→ **WORK TASK**:
Within the material below, transcribe exactly the lines from the one holding "#154=IFCINDEXEDPOLYGONALFACE((1,2,4,3));" through the one holding "#175=IFCINDEXEDPOLYGONALFACE((5,7,8,6));", keeping both ends and skipping the rest.
_____
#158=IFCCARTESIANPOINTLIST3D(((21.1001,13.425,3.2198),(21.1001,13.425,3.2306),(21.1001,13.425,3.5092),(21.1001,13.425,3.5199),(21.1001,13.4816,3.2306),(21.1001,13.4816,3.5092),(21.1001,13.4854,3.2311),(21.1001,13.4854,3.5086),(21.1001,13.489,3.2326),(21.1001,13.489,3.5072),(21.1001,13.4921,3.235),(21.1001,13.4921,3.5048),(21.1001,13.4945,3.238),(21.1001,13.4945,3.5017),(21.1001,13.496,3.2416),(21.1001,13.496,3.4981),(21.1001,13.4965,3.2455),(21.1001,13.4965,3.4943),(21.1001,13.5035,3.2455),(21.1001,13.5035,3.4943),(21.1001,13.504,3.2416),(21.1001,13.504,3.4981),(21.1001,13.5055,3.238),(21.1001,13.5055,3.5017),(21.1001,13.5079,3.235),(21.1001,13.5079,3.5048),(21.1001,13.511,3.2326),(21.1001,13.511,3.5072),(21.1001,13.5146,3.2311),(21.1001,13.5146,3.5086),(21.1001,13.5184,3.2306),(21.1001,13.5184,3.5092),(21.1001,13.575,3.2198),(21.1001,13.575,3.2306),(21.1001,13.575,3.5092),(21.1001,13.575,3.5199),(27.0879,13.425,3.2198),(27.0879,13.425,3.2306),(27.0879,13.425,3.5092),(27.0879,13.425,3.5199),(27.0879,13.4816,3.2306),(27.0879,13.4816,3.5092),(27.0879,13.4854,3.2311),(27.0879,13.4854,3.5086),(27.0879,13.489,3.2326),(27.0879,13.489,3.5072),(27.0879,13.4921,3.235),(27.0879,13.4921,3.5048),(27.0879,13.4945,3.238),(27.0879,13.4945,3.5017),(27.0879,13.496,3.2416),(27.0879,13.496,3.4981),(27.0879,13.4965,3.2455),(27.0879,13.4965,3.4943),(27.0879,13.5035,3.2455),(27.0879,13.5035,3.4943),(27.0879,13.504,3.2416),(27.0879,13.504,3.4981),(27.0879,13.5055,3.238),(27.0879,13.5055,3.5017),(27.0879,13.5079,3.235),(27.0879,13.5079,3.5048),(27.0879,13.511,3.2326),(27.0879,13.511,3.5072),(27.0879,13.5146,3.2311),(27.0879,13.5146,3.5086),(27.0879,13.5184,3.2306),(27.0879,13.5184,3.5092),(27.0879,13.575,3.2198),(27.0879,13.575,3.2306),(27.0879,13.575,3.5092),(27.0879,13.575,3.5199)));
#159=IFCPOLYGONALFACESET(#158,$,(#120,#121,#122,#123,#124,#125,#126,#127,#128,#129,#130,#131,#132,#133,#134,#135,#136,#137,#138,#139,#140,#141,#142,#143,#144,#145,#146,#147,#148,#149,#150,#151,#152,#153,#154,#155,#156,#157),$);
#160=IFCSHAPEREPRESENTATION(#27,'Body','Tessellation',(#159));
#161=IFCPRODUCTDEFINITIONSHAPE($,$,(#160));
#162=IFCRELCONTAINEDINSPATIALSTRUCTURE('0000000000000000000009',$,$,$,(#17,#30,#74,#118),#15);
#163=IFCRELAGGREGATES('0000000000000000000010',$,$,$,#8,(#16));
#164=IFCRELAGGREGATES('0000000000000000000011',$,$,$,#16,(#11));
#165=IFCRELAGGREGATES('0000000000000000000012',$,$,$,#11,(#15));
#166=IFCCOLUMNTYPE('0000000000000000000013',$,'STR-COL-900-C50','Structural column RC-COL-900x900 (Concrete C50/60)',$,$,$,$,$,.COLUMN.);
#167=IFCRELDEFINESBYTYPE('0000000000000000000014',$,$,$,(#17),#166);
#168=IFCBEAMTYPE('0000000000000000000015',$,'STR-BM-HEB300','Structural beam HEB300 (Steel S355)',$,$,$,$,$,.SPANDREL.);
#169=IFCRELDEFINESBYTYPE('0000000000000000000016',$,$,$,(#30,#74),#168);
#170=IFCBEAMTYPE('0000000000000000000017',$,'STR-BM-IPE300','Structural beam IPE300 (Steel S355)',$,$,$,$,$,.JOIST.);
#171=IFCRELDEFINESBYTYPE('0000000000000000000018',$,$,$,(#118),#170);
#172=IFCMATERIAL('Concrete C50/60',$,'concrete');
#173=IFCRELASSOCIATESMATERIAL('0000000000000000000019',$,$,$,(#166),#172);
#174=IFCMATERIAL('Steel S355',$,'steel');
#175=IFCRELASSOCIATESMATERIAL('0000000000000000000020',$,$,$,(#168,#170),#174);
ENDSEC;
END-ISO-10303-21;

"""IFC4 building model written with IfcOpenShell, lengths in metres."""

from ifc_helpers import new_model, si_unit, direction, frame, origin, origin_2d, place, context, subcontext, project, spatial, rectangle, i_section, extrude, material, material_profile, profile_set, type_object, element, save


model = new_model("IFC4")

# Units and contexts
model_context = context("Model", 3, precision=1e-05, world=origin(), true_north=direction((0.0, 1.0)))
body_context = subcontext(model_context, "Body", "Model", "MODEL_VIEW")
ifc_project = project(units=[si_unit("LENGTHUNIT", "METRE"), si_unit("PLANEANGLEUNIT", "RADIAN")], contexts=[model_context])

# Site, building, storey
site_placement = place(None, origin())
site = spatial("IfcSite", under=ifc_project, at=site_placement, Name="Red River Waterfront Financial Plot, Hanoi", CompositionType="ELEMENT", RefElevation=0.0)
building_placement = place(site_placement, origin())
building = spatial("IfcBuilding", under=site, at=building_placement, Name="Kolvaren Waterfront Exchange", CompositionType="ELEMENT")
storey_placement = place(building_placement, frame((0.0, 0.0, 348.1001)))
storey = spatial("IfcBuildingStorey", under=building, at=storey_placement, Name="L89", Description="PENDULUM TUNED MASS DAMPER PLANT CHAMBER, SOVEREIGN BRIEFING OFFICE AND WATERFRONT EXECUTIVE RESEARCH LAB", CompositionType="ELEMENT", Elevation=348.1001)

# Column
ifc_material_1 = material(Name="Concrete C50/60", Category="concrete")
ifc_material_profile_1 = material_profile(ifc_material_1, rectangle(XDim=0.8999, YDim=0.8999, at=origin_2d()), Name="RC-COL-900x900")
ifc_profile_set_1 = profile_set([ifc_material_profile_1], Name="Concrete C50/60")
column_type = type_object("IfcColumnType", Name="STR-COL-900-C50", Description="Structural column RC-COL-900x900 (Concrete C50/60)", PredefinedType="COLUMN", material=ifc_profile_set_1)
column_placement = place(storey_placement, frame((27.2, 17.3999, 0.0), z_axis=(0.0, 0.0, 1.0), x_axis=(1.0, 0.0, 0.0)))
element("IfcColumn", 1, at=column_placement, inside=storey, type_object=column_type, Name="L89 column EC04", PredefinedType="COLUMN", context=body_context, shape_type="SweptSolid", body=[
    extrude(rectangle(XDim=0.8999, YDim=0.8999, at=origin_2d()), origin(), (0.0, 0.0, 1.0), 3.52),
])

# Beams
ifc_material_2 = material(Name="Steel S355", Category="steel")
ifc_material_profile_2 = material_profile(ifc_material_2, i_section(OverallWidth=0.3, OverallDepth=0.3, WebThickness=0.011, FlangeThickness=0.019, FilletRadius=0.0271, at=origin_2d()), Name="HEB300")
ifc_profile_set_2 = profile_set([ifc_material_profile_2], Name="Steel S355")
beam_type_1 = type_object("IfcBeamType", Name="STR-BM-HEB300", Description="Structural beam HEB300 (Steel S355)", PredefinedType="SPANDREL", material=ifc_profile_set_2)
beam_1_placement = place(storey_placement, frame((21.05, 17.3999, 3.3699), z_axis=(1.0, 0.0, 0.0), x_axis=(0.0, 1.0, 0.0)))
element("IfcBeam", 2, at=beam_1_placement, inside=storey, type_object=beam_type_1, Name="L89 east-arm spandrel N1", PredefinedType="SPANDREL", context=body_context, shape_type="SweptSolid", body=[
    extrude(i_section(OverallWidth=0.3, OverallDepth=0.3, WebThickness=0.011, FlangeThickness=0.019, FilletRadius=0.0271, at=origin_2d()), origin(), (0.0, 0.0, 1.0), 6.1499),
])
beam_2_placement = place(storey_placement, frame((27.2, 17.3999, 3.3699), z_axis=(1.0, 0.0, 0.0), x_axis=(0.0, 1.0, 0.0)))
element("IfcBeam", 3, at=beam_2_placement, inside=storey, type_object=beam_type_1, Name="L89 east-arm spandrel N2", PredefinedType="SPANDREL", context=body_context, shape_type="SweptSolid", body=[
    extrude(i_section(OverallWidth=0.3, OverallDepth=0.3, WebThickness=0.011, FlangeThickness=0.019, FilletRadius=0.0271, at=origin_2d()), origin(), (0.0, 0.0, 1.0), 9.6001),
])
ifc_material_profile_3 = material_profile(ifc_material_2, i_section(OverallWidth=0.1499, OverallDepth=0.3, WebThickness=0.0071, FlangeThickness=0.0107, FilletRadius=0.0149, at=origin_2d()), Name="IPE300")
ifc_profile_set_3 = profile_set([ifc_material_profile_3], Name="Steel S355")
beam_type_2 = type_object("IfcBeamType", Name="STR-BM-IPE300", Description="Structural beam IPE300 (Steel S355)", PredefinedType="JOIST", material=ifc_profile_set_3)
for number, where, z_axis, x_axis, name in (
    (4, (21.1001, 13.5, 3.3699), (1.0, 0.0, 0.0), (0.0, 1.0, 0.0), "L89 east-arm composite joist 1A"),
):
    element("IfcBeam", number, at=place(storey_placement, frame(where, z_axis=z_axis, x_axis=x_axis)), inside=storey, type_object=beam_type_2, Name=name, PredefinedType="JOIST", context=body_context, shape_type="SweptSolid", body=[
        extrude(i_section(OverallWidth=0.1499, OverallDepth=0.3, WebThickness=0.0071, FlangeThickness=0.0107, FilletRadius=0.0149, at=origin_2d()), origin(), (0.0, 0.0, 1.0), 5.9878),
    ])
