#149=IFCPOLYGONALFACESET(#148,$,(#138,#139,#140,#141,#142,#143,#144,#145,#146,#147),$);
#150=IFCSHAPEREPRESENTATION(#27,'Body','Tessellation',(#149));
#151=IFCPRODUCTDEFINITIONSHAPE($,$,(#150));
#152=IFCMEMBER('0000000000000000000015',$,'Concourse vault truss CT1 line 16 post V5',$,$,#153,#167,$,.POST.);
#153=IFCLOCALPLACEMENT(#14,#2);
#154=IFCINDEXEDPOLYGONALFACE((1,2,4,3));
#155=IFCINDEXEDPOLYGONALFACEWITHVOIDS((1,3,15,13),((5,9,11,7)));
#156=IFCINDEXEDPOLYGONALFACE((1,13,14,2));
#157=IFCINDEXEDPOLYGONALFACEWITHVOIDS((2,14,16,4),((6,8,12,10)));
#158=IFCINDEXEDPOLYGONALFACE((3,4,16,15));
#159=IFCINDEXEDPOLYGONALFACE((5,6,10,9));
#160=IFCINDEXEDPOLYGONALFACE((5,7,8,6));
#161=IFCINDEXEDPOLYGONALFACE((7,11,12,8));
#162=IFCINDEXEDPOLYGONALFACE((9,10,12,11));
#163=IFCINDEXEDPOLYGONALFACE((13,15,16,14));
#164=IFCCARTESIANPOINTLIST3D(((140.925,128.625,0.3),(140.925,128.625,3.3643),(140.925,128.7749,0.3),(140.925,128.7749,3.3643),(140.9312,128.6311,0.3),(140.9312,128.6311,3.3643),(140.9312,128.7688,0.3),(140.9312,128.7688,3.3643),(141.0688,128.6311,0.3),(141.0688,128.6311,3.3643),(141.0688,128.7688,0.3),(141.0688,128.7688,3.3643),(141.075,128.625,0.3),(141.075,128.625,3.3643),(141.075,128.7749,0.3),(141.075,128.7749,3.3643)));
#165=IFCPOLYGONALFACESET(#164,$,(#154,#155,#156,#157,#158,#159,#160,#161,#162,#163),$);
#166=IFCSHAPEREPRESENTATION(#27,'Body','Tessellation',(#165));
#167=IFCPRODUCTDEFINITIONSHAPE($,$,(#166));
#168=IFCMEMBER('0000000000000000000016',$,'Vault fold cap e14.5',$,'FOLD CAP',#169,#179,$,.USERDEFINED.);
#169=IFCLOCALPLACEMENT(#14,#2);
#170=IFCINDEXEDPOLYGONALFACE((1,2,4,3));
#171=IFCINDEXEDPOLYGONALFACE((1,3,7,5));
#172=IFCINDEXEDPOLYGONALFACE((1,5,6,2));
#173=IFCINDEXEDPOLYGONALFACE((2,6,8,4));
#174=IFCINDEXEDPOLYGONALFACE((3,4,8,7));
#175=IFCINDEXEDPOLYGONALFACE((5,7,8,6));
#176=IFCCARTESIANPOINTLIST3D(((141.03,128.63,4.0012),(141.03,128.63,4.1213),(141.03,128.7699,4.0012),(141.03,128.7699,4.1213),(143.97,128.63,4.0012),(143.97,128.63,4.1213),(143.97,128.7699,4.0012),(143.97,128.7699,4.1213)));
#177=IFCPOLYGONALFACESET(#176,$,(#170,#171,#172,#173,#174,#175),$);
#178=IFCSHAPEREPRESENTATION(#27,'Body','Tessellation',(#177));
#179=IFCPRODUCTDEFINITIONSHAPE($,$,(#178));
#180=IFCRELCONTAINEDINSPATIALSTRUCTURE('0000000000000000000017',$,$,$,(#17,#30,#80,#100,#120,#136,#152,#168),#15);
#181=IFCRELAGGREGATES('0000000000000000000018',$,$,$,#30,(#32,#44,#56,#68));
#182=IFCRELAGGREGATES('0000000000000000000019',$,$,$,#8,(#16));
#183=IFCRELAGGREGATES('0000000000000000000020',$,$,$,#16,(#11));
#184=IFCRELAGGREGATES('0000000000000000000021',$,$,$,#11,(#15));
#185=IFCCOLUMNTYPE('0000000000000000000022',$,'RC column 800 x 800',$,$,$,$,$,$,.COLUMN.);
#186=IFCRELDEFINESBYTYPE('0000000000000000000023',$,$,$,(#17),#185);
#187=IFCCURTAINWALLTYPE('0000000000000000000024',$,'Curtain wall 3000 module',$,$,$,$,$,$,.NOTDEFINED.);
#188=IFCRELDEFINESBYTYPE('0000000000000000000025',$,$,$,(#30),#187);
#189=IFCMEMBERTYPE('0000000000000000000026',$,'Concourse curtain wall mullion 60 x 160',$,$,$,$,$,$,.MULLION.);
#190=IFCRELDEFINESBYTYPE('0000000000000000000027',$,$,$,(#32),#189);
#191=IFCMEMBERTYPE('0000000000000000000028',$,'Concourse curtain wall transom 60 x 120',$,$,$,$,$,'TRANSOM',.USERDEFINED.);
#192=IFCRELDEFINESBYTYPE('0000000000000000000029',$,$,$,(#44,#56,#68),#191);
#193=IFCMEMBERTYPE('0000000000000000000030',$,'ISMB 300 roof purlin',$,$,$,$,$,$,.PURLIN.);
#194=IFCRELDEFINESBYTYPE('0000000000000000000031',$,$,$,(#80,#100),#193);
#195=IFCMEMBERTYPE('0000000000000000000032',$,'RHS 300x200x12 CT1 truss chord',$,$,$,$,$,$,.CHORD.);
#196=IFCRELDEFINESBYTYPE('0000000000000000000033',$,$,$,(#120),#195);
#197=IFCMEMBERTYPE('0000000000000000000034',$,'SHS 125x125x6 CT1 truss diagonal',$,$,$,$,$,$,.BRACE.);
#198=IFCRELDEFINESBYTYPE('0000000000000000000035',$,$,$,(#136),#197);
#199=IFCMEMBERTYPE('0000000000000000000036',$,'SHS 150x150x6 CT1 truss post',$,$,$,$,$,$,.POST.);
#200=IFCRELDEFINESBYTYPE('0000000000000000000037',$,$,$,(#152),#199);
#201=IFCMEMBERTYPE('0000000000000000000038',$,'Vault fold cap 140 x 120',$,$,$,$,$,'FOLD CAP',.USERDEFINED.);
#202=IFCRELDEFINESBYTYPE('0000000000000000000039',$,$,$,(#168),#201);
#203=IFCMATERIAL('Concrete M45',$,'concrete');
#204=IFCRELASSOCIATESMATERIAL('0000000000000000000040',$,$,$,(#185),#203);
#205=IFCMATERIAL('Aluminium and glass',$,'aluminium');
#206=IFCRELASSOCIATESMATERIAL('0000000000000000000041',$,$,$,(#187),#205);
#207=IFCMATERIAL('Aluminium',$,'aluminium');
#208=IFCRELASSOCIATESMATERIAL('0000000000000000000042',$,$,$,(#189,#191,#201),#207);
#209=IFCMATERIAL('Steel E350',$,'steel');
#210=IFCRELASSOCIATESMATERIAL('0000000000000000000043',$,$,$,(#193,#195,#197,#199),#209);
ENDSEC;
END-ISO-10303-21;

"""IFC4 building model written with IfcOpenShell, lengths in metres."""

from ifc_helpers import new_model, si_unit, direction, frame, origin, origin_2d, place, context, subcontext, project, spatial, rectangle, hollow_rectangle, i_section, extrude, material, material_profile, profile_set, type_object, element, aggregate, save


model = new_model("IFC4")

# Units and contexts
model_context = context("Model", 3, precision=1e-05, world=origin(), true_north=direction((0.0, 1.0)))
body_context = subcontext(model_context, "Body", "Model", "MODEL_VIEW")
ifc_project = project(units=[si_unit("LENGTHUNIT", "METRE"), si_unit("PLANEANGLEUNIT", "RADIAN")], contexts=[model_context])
_____
→ **REPLY TO THE EXERCISE**:
#154=IFCINDEXEDPOLYGONALFACE((1,2,4,3));
#155=IFCINDEXEDPOLYGONALFACEWITHVOIDS((1,3,15,13),((5,9,11,7)));
#156=IFCINDEXEDPOLYGONALFACE((1,13,14,2));
#157=IFCINDEXEDPOLYGONALFACEWITHVOIDS((2,14,16,4),((6,8,12,10)));
#158=IFCINDEXEDPOLYGONALFACE((3,4,16,15));
#159=IFCINDEXEDPOLYGONALFACE((5,6,10,9));
#160=IFCINDEXEDPOLYGONALFACE((5,7,8,6));
#161=IFCINDEXEDPOLYGONALFACE((7,11,12,8));
#162=IFCINDEXEDPOLYGONALFACE((9,10,12,11));
#163=IFCINDEXEDPOLYGONALFACE((13,15,16,14));
#164=IFCCARTESIANPOINTLIST3D(((140.925,128.625,0.3),(140.925,128.625,3.3643),(140.925,128.7749,0.3),(140.925,128.7749,3.3643),(140.9312,128.6311,0.3),(140.9312,128.6311,3.3643),(140.9312,128.7688,0.3),(140.9312,128.7688,3.3643),(141.0688,128.6311,0.3),(141.0688,128.6311,3.3643),(141.0688,128.7688,0.3),(141.0688,128.7688,3.3643),(141.075,128.625,0.3),(141.075,128.625,3.3643),(141.075,128.7749,0.3),(141.075,128.7749,3.3643)));
#165=IFCPOLYGONALFACESET(#164,$,(#154,#155,#156,#157,#158,#159,#160,#161,#162,#163),$);
#166=IFCSHAPEREPRESENTATION(#27,'Body','Tessellation',(#165));
#167=IFCPRODUCTDEFINITIONSHAPE($,$,(#166));
#168=IFCMEMBER('0000000000000000000016',$,'Vault fold cap e14.5',$,'FOLD CAP',#169,#179,$,.USERDEFINED.);
#169=IFCLOCALPLACEMENT(#14,#2);
#170=IFCINDEXEDPOLYGONALFACE((1,2,4,3));
#171=IFCINDEXEDPOLYGONALFACE((1,3,7,5));
#172=IFCINDEXEDPOLYGONALFACE((1,5,6,2));
#173=IFCINDEXEDPOLYGONALFACE((2,6,8,4));
#174=IFCINDEXEDPOLYGONALFACE((3,4,8,7));
#175=IFCINDEXEDPOLYGONALFACE((5,7,8,6));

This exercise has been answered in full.